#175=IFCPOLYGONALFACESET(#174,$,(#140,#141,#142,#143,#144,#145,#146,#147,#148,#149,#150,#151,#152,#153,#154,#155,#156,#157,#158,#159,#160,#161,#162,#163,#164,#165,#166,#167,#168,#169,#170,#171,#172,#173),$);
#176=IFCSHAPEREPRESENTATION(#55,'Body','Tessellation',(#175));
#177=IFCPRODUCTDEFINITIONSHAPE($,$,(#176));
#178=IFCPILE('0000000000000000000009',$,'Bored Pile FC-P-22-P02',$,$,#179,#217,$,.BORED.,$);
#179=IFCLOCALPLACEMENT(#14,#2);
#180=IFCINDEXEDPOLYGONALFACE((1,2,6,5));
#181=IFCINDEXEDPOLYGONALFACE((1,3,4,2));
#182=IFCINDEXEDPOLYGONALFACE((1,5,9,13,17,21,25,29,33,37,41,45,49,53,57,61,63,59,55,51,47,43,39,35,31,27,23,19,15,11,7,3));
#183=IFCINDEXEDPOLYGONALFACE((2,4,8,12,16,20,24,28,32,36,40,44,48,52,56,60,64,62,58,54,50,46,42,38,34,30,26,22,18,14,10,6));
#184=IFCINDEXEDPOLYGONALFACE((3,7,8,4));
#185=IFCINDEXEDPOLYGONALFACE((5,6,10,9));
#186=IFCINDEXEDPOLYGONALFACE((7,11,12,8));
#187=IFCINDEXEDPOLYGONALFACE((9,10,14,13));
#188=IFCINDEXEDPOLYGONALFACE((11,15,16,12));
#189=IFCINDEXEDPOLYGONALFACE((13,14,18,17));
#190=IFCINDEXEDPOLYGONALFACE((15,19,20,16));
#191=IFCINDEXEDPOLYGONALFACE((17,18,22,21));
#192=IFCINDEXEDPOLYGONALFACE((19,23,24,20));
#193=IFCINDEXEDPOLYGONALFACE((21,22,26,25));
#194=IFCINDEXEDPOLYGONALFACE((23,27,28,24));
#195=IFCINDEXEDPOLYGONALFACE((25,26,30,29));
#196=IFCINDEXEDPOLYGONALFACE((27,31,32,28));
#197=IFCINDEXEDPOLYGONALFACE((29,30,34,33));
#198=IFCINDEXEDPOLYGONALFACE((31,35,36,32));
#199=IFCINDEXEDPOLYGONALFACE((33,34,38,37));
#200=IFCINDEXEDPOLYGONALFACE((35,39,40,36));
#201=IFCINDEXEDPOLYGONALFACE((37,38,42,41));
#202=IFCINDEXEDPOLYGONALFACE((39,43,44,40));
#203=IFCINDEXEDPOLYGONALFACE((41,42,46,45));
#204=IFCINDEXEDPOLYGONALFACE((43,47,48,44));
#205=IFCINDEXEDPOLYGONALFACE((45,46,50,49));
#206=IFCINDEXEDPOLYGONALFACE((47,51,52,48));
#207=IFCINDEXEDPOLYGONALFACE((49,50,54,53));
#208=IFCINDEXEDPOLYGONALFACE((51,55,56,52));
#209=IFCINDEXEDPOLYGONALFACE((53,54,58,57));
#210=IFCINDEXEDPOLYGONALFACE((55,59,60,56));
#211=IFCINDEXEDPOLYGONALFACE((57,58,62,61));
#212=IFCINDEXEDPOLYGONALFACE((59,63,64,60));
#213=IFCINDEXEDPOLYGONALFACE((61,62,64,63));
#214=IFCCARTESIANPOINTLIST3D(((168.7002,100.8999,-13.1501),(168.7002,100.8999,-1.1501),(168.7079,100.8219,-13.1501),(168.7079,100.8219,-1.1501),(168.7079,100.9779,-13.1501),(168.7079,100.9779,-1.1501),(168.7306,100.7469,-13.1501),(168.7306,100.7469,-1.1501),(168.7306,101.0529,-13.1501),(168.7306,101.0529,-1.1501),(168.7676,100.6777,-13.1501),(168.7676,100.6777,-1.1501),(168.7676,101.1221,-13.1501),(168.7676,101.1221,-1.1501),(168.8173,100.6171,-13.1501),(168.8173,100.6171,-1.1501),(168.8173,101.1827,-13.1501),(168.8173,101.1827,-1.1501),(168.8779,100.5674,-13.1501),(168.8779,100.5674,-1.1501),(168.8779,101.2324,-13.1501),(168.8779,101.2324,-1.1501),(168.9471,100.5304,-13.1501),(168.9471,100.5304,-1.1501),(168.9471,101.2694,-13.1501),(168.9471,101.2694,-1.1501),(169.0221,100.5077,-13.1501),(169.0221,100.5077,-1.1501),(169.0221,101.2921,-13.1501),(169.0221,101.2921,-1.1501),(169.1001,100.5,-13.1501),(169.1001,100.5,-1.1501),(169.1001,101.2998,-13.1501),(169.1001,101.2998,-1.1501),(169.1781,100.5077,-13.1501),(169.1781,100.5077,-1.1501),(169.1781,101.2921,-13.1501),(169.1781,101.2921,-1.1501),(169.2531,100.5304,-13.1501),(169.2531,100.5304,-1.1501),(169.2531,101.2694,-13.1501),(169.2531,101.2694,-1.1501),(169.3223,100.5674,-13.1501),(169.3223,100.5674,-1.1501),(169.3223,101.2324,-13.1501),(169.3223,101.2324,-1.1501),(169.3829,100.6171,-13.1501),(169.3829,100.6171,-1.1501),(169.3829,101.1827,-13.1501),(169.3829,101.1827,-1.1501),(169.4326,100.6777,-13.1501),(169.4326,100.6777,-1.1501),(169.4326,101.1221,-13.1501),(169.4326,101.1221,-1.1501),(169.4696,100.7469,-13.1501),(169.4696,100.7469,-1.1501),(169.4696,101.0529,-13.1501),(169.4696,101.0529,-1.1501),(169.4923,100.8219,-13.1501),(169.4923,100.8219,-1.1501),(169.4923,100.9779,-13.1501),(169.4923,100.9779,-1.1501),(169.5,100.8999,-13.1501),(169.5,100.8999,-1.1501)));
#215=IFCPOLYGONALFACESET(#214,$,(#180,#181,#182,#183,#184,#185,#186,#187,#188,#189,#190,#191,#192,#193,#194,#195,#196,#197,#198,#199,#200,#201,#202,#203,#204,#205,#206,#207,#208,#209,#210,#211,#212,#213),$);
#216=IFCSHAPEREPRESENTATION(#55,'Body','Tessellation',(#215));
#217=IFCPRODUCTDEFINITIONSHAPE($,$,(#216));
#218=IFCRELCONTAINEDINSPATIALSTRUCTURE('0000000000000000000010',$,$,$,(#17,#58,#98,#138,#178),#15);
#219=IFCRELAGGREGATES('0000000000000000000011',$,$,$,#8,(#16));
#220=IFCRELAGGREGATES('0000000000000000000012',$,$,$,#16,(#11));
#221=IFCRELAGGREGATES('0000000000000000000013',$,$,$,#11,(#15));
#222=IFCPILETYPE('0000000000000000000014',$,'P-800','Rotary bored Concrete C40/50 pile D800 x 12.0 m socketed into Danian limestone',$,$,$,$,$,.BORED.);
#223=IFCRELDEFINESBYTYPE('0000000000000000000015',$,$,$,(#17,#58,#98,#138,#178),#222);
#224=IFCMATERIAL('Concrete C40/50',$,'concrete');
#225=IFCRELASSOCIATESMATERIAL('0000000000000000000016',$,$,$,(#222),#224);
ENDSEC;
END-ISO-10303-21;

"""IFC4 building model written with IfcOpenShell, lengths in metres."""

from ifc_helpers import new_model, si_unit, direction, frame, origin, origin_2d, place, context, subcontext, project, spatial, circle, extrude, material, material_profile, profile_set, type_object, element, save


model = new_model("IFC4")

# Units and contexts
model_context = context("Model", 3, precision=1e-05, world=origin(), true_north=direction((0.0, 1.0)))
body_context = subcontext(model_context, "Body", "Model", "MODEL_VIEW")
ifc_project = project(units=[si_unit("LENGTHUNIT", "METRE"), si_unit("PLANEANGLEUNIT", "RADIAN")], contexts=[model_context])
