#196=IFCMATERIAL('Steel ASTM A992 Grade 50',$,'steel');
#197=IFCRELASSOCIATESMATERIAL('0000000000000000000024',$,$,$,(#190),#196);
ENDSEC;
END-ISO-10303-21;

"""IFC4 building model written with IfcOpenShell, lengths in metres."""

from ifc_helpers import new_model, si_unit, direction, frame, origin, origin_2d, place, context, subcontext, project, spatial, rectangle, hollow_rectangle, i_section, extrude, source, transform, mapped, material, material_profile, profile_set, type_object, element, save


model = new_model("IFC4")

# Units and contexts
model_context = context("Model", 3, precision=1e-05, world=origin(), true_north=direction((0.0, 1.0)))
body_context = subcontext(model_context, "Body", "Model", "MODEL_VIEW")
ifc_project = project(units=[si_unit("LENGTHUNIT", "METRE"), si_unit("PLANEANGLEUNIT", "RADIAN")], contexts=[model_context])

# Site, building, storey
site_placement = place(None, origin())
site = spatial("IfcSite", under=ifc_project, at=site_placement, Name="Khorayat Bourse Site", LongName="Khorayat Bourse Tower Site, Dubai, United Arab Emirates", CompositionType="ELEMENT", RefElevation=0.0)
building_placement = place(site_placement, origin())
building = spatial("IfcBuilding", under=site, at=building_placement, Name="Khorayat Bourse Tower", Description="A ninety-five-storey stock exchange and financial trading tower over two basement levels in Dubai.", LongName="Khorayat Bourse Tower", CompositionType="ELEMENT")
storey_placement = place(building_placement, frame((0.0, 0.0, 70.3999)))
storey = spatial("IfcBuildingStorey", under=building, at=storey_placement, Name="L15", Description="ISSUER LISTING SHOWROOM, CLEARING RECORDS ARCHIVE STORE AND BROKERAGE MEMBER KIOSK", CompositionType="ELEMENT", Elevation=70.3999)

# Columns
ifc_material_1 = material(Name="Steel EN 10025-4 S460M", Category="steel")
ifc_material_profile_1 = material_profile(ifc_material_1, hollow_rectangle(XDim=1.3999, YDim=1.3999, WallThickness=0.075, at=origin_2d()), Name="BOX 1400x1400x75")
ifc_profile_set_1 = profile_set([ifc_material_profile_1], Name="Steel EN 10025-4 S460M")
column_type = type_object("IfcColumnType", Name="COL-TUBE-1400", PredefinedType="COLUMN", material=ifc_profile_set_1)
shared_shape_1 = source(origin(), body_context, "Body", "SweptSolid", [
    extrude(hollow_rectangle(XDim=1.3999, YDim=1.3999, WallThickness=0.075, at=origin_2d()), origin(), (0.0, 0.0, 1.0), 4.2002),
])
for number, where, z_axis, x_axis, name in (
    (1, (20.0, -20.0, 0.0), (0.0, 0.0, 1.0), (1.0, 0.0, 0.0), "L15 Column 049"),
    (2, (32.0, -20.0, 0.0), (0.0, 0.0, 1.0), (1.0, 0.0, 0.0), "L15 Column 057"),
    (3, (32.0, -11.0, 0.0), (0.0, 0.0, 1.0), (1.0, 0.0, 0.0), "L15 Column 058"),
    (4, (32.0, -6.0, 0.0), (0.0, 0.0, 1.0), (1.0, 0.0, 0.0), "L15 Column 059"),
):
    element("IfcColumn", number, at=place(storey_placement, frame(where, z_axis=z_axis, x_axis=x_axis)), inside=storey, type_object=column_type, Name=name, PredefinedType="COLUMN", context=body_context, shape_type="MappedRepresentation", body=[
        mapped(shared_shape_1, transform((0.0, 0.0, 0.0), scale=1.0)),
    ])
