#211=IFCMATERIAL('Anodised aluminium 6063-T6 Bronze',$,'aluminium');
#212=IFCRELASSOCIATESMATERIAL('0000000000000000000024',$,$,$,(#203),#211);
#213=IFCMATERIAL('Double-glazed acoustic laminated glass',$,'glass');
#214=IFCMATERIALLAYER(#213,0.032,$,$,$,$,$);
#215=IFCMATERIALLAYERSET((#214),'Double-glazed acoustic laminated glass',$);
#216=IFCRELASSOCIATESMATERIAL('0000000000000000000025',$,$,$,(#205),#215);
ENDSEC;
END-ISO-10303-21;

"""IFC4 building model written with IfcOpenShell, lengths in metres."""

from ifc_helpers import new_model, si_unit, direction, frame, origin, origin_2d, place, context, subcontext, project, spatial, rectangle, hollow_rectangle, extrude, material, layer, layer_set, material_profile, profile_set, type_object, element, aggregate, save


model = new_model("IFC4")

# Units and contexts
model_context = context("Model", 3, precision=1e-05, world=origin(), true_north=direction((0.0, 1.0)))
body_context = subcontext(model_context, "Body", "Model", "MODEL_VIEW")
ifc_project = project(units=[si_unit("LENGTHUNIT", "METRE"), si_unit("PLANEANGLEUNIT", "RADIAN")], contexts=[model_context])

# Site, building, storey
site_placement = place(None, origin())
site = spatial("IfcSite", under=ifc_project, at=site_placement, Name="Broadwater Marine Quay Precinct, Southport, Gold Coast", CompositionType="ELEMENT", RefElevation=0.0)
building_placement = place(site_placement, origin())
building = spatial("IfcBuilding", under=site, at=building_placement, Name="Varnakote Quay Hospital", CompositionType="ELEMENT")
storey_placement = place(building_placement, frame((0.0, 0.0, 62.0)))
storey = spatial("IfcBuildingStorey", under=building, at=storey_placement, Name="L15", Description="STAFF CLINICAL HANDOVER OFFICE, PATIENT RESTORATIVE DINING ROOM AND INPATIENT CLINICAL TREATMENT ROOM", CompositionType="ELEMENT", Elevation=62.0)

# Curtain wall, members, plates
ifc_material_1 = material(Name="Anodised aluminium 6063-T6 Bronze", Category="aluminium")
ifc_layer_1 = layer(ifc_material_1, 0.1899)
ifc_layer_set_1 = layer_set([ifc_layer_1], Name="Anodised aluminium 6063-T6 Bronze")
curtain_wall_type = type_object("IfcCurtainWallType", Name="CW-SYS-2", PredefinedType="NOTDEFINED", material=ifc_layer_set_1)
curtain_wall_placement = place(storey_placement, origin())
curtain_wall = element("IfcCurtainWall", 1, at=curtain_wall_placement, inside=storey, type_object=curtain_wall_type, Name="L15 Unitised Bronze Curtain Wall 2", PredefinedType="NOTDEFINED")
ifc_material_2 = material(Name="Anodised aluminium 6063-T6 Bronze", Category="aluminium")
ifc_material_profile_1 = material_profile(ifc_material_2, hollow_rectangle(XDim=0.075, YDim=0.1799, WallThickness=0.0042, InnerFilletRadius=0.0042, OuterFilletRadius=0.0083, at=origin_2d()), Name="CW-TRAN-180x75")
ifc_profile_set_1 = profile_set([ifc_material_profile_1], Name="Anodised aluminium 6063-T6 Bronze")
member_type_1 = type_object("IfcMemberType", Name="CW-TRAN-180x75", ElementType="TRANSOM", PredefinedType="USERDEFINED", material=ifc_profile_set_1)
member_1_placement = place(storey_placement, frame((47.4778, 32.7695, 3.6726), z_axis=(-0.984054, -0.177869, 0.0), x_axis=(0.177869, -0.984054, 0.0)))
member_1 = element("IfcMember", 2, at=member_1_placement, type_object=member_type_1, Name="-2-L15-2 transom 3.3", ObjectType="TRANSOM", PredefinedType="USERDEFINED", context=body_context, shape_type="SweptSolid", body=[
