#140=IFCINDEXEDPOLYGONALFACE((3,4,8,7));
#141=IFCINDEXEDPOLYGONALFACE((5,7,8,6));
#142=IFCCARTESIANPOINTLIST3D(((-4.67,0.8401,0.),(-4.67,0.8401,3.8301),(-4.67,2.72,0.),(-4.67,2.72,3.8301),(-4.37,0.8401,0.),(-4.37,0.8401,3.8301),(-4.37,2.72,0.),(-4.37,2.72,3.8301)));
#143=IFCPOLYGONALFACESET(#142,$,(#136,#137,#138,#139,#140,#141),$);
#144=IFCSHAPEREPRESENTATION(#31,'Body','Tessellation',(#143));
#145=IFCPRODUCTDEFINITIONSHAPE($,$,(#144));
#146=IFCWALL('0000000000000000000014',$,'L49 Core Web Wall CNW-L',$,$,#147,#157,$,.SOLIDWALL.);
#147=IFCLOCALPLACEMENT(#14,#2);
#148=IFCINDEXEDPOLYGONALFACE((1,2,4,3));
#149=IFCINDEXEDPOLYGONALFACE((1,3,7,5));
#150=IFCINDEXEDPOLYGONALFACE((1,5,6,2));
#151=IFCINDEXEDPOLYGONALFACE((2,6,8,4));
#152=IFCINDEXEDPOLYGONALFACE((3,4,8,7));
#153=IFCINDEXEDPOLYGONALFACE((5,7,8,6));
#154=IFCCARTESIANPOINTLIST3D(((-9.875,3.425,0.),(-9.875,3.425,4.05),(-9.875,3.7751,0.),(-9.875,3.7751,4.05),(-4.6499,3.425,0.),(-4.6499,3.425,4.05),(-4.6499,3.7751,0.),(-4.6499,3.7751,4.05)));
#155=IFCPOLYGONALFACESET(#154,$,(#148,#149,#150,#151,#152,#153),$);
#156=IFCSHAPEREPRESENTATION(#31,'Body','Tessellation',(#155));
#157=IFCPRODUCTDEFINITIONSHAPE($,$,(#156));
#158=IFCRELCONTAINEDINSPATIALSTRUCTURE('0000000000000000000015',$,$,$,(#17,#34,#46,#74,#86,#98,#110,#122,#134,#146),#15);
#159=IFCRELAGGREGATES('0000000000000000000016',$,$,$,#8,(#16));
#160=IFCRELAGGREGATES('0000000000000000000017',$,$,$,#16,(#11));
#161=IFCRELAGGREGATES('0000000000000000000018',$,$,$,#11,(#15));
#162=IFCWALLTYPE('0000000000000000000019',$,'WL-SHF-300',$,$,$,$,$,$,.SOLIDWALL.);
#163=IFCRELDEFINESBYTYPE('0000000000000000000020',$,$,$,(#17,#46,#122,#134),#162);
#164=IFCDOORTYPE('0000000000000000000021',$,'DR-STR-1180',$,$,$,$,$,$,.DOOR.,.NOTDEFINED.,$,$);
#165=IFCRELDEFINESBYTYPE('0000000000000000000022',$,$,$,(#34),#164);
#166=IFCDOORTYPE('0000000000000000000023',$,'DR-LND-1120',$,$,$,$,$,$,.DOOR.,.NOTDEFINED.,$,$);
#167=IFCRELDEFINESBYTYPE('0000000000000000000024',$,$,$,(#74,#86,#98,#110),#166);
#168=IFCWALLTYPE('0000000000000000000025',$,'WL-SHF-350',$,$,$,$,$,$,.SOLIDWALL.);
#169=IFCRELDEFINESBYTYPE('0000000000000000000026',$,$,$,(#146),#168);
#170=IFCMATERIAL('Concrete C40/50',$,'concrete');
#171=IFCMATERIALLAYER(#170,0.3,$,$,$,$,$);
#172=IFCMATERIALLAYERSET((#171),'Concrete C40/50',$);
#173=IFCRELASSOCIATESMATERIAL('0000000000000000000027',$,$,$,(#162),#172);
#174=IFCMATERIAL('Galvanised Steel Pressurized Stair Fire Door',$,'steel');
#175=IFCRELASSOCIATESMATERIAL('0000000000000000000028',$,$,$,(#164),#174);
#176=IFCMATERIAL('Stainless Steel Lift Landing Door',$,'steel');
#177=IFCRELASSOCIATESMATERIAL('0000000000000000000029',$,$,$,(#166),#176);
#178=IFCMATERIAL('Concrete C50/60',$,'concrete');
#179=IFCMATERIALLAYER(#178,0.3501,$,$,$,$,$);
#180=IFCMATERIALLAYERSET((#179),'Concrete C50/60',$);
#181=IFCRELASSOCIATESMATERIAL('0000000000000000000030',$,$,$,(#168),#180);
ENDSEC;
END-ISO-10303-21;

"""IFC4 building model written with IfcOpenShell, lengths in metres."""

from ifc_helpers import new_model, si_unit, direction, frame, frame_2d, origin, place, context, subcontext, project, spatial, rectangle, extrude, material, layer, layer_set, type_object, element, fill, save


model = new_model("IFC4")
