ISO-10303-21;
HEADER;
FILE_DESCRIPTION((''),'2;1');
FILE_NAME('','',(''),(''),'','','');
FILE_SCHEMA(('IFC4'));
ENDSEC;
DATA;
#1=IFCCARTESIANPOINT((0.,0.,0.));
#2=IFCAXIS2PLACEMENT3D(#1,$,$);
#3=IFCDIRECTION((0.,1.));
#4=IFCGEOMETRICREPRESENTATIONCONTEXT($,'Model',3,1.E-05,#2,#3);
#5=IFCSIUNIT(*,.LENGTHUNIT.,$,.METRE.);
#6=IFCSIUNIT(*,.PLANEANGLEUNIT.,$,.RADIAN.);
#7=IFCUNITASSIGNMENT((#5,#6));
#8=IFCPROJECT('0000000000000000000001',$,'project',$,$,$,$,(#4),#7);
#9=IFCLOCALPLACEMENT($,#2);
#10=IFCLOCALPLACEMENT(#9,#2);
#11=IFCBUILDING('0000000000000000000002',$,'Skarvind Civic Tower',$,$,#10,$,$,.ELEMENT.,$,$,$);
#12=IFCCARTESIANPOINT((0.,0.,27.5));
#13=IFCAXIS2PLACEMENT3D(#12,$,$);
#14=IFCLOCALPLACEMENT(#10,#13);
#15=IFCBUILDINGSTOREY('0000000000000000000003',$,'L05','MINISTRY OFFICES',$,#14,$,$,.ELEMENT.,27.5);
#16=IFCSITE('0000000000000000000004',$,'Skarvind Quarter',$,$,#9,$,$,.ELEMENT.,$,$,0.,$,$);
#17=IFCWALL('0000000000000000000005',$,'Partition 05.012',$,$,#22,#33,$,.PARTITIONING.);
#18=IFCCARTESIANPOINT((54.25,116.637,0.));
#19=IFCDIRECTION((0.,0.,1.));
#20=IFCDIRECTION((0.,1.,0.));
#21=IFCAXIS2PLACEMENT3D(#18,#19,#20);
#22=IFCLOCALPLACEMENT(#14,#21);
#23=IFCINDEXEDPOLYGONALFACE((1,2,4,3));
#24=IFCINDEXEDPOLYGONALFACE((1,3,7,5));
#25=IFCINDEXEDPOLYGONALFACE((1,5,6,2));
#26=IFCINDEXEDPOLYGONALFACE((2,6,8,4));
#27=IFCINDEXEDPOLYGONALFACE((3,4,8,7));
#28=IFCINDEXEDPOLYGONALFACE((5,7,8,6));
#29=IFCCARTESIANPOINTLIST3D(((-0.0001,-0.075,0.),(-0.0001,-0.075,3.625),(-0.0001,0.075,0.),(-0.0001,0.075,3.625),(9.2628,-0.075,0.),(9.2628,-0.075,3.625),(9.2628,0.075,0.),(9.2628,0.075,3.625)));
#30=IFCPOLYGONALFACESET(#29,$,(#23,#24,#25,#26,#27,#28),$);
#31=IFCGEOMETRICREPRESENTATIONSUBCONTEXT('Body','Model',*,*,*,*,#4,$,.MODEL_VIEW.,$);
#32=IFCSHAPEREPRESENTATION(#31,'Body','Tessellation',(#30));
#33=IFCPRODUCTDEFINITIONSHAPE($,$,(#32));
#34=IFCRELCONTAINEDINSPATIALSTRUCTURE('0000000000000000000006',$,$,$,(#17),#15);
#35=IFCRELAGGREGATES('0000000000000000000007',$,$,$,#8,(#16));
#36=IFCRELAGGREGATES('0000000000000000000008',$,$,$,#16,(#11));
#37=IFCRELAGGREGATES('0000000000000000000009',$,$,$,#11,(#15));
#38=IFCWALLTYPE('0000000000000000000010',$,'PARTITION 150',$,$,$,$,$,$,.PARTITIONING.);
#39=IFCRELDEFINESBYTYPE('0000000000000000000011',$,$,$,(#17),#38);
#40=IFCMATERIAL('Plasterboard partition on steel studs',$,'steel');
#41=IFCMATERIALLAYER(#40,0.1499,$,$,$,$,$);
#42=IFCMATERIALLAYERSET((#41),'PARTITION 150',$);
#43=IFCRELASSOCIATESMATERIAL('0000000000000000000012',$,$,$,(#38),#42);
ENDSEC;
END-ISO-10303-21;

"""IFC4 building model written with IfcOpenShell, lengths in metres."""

from ifc_helpers import new_model, si_unit, direction, frame, frame_2d, origin, place, context, subcontext, project, spatial, rectangle, extrude, material, layer, layer_set, type_object, element, save


model = new_model("IFC4")

# Units and contexts
model_context = context("Model", 3, precision=1e-05, world=origin(), true_north=direction((0.0, 1.0)))
body_context = subcontext(model_context, "Body", "Model", "MODEL_VIEW")
ifc_project = project(units=[si_unit("LENGTHUNIT", "METRE"), si_unit("PLANEANGLEUNIT", "RADIAN")], contexts=[model_context])

# Site, building, storey
site_placement = place(None, origin())
site = spatial("IfcSite", under=ifc_project, at=site_placement, Name="Skarvind Quarter", CompositionType="ELEMENT", RefElevation=0.0)
building_placement = place(site_placement, origin())
building = spatial("IfcBuilding", under=site, at=building_placement, Name="Skarvind Civic Tower", CompositionType="ELEMENT")
storey_placement = place(building_placement, frame((0.0, 0.0, 27.5)))
storey = spatial("IfcBuildingStorey", under=building, at=storey_placement, Name="L05", Description="MINISTRY OFFICES", CompositionType="ELEMENT", Elevation=27.5)

# Wall
ifc_material_1 = material(Name="Plasterboard partition on steel studs", Category="steel")
ifc_layer_1 = layer(ifc_material_1, 0.1499)
ifc_layer_set_1 = layer_set([ifc_layer_1], Name="PARTITION 150")
wall_type_1 = type_object("IfcWallType", Name="PARTITION 150", PredefinedType="PARTITIONING", material=ifc_layer_set_1)
wall_1_placement = place(storey_placement, frame((54.25, 116.637, 0.0), z_axis=(0.0, 0.0, 1.0), x_axis=(0.0, 1.0, 0.0)))
element("IfcWall", 1, at=wall_1_placement, inside=storey, type_object=wall_type_1, Name="Partition 05.012", PredefinedType="PARTITIONING", context=body_context, shape_type="SweptSolid", body=[
    extrude(rectangle(XDim=9.2629, YDim=0.1499, at=frame_2d((4.6313, 0.0))), origin(), (0.0, 0.0, 1.0), 3.625),
])

save(model, "model.ifc")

================

### YOUR TASK
Copy the records above exactly, beginning at the line that contains "#181=IFCINDEXEDPOLYGONALFACE((1,3,4,2));" and stopping after the line that contains "#185=IFCINDEXEDPOLYGONALFACE((5,6,10,9));".

### YOUR RESPONSE
#181=IFCINDEXEDPOLYGONALFACE((1,3,4,2));
#182=IFCINDEXEDPOLYGONALFACE((1,5,9,13,17,21,25,29,33,37,41,45,49,53,57,61,63,59,55,51,47,43,39,35,31,27,23,19,15,11,7,3));
#183=IFCINDEXEDPOLYGONALFACE((2,4,8,12,16,20,24,28,32,36,40,44,48,52,56,60,64,62,58,54,50,46,42,38,34,30,26,22,18,14,10,6));
#184=IFCINDEXEDPOLYGONALFACE((3,7,8,4));
#185=IFCINDEXEDPOLYGONALFACE((5,6,10,9));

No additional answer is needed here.